▸ Data to use
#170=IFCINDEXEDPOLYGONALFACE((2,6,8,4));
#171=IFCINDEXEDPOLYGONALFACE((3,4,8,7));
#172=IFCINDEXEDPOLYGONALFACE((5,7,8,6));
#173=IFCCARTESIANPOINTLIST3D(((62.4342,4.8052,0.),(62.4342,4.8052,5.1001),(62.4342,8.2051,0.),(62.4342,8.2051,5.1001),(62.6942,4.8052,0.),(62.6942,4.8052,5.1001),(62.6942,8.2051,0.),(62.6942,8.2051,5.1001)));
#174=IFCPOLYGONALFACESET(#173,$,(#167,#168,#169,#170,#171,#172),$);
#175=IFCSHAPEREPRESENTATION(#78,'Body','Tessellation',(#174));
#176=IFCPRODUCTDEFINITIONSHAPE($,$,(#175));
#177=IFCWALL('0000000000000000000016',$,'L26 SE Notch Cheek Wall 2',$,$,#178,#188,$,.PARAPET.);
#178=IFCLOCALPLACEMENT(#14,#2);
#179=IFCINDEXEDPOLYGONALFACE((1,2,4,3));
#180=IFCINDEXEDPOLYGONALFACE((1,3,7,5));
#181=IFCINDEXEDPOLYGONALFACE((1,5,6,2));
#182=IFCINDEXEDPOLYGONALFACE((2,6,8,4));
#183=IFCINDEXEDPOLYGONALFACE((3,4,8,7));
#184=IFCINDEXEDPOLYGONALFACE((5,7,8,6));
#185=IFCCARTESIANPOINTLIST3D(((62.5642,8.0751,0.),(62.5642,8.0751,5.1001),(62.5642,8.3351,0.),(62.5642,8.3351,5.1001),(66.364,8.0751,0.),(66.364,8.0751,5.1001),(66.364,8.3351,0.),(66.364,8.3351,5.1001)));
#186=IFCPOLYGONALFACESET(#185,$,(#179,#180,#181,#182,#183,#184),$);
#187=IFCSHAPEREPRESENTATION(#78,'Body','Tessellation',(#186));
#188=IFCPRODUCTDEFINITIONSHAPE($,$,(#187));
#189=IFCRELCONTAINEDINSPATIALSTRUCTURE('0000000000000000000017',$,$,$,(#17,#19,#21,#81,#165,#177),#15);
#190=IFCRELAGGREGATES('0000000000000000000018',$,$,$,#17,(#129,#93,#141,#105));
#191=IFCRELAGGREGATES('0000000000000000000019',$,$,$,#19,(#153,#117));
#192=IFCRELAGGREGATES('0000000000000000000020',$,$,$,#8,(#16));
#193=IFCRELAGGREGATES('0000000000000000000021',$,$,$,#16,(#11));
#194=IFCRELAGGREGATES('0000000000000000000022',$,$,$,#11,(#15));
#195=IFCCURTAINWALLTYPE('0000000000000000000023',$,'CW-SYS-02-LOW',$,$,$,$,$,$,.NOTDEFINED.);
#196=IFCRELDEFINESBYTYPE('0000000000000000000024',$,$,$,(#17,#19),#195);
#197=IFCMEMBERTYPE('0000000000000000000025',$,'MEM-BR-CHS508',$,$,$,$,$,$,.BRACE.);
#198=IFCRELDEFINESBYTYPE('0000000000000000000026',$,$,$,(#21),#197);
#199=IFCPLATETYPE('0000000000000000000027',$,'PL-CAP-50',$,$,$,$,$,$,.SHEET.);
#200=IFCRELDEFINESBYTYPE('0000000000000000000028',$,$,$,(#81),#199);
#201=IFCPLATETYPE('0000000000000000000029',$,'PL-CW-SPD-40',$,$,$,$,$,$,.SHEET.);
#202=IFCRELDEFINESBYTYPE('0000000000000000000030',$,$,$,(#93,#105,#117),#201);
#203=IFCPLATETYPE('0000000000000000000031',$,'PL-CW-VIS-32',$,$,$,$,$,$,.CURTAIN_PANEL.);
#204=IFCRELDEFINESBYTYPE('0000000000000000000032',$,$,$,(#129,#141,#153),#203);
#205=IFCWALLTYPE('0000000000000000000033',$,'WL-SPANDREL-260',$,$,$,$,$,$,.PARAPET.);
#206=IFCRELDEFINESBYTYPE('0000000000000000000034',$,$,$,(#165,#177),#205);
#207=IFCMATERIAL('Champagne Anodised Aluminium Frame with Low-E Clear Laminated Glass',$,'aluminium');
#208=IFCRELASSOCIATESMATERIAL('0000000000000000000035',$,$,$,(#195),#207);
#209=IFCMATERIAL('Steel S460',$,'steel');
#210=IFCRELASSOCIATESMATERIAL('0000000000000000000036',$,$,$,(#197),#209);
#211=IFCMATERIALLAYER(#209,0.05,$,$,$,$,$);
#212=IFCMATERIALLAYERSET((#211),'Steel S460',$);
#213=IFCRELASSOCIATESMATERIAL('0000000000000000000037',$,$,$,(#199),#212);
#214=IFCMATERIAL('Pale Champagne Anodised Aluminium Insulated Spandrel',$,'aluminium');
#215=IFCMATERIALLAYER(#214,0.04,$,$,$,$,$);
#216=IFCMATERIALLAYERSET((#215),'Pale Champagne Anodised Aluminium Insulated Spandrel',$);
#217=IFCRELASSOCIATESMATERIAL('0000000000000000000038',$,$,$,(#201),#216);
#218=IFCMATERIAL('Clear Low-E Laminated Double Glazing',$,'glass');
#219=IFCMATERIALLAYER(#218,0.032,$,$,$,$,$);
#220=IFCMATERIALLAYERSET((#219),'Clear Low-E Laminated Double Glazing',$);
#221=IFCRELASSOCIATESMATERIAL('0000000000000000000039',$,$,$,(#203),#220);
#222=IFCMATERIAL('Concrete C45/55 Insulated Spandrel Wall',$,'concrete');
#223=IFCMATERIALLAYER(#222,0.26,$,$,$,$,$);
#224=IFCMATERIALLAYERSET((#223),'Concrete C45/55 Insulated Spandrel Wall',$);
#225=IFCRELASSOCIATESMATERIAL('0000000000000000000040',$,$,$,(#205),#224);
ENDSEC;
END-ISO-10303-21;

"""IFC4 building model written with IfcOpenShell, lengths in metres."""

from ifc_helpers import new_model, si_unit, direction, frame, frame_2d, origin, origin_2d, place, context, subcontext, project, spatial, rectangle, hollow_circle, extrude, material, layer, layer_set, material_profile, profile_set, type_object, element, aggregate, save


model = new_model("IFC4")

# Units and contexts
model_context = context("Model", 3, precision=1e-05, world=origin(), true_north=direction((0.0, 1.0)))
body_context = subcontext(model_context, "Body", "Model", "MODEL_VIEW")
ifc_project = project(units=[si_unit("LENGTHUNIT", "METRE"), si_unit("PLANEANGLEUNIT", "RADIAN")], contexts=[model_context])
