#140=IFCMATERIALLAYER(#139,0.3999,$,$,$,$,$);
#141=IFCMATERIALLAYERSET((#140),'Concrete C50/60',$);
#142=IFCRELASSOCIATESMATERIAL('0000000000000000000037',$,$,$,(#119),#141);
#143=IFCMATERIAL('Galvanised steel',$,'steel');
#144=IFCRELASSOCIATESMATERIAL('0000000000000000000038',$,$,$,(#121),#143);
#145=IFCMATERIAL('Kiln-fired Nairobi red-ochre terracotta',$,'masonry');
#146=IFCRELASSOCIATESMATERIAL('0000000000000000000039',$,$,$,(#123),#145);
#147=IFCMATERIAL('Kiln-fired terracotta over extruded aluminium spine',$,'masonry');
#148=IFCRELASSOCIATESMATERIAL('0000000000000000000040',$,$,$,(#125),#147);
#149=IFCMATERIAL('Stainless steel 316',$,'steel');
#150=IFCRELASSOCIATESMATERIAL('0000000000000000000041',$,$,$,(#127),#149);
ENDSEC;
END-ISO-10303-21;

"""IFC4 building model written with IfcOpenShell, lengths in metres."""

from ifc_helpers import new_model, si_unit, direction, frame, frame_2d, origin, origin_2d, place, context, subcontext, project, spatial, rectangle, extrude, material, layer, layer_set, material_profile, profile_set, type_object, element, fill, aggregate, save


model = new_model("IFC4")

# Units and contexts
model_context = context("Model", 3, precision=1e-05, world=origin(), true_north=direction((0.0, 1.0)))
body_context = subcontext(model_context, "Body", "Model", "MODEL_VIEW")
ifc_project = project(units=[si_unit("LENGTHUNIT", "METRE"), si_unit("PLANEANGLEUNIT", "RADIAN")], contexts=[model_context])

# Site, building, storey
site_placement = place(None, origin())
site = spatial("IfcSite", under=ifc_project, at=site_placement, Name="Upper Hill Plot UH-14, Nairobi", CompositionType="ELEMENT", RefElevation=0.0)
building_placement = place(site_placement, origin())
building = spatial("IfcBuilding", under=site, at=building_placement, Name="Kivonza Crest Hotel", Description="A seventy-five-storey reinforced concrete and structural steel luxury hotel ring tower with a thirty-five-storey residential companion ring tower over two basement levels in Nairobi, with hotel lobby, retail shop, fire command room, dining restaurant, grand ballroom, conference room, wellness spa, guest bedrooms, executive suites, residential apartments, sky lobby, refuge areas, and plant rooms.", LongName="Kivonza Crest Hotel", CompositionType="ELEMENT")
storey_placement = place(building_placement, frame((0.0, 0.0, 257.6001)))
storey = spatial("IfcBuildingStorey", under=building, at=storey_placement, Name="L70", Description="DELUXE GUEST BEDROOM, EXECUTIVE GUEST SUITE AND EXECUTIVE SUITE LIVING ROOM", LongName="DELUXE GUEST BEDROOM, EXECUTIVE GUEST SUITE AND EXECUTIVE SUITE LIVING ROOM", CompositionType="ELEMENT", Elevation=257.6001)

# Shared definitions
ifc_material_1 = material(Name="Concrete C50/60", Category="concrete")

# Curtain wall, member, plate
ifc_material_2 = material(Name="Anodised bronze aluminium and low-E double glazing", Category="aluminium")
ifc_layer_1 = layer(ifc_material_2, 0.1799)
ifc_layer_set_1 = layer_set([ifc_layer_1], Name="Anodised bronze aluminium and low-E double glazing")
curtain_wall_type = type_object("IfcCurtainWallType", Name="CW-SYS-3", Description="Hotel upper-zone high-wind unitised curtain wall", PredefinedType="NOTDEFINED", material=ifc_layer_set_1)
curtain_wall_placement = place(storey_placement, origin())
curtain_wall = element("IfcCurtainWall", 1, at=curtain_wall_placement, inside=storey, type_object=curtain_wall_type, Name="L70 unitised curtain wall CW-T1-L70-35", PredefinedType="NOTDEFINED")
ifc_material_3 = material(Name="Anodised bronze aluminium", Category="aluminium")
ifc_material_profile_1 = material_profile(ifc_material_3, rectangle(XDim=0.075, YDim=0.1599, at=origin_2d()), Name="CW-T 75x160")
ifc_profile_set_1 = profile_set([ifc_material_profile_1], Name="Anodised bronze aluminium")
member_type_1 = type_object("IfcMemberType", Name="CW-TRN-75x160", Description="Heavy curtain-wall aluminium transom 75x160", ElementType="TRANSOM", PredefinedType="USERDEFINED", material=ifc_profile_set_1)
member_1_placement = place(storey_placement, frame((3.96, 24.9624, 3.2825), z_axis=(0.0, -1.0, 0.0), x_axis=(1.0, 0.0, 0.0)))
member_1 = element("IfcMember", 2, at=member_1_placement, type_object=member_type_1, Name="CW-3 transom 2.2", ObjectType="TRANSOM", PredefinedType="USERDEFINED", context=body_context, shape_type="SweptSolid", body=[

▸ Problem statement
Only the lines that contain the string "NOTDEFINED" are to be copied from the records.

▸ Task response
#195=IFCCURTAINWALLTYPE('0000000000000000000023',$,'CW-SYS-02-LOW',$,$,$,$,$,$,.NOTDEFINED.);
curtain_wall_type = type_object("IfcCurtainWallType", Name="CW-SYS-3", Description="Hotel upper-zone high-wind unitised curtain wall", PredefinedType="NOTDEFINED", material=ifc_layer_set_1)
curtain_wall = element("IfcCurtainWall", 1, at=curtain_wall_placement, inside=storey, type_object=curtain_wall_type, Name="L70 unitised curtain wall CW-T1-L70-35", PredefinedType="NOTDEFINED")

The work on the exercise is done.